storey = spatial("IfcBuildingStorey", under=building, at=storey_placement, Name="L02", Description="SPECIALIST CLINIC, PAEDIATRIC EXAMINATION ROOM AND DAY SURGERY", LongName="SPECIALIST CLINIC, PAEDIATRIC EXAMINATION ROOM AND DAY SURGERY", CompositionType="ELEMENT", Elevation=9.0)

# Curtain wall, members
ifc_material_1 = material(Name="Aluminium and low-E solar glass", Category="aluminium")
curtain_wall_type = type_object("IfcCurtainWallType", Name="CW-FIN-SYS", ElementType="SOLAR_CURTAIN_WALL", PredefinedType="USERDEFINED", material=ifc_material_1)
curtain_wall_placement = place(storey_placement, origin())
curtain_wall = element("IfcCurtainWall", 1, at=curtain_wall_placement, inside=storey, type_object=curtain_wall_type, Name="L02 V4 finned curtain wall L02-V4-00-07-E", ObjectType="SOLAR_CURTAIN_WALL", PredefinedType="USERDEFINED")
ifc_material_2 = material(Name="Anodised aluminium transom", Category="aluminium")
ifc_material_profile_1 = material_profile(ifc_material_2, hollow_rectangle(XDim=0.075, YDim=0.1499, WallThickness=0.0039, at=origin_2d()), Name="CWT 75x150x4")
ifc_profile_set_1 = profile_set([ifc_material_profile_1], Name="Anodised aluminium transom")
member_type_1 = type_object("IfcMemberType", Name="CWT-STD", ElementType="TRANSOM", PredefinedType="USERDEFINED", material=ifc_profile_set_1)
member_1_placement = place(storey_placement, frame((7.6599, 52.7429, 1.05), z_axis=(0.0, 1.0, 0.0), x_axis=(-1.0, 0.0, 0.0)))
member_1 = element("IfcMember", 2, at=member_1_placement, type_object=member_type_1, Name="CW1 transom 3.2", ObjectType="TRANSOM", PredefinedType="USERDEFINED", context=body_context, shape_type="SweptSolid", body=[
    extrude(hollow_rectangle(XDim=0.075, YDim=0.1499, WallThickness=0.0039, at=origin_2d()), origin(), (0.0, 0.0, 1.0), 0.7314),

## Task brief
Faithfully transcribe the whole of the data.

## Output of the exercise
storey = spatial("IfcBuildingStorey", under=building, at=storey_placement, Name="L02", Description="SPECIALIST CLINIC, PAEDIATRIC EXAMINATION ROOM AND DAY SURGERY", LongName="SPECIALIST CLINIC, PAEDIATRIC EXAMINATION ROOM AND DAY SURGERY", CompositionType="ELEMENT", Elevation=9.0)

# Curtain wall, members
ifc_material_1 = material(Name="Aluminium and low-E solar glass", Category="aluminium")
curtain_wall_type = type_object("IfcCurtainWallType", Name="CW-FIN-SYS", ElementType="SOLAR_CURTAIN_WALL", PredefinedType="USERDEFINED", material=ifc_material_1)
curtain_wall_placement = place(storey_placement, origin())
curtain_wall = element("IfcCurtainWall", 1, at=curtain_wall_placement, inside=storey, type_object=curtain_wall_type, Name="L02 V4 finned curtain wall L02-V4-00-07-E", ObjectType="SOLAR_CURTAIN_WALL", PredefinedType="USERDEFINED")
ifc_material_2 = material(Name="Anodised aluminium transom", Category="aluminium")
ifc_material_profile_1 = material_profile(ifc_material_2, hollow_rectangle(XDim=0.075, YDim=0.1499, WallThickness=0.0039, at=origin_2d()), Name="CWT 75x150x4")
ifc_profile_set_1 = profile_set([ifc_material_profile_1], Name="Anodised aluminium transom")
member_type_1 = type_object("IfcMemberType", Name="CWT-STD", ElementType="TRANSOM", PredefinedType="USERDEFINED", material=ifc_profile_set_1)
member_1_placement = place(storey_placement, frame((7.6599, 52.7429, 1.05), z_axis=(0.0, 1.0, 0.0), x_axis=(-1.0, 0.0, 0.0)))
member_1 = element("IfcMember", 2, at=member_1_placement, type_object=member_type_1, Name="CW1 transom 3.2", ObjectType="TRANSOM", PredefinedType="USERDEFINED", context=body_context, shape_type="SweptSolid", body=[
    extrude(hollow_rectangle(XDim=0.075, YDim=0.1499, WallThickness=0.0039, at=origin_2d()), origin(), (0.0, 0.0, 1.0), 0.7314),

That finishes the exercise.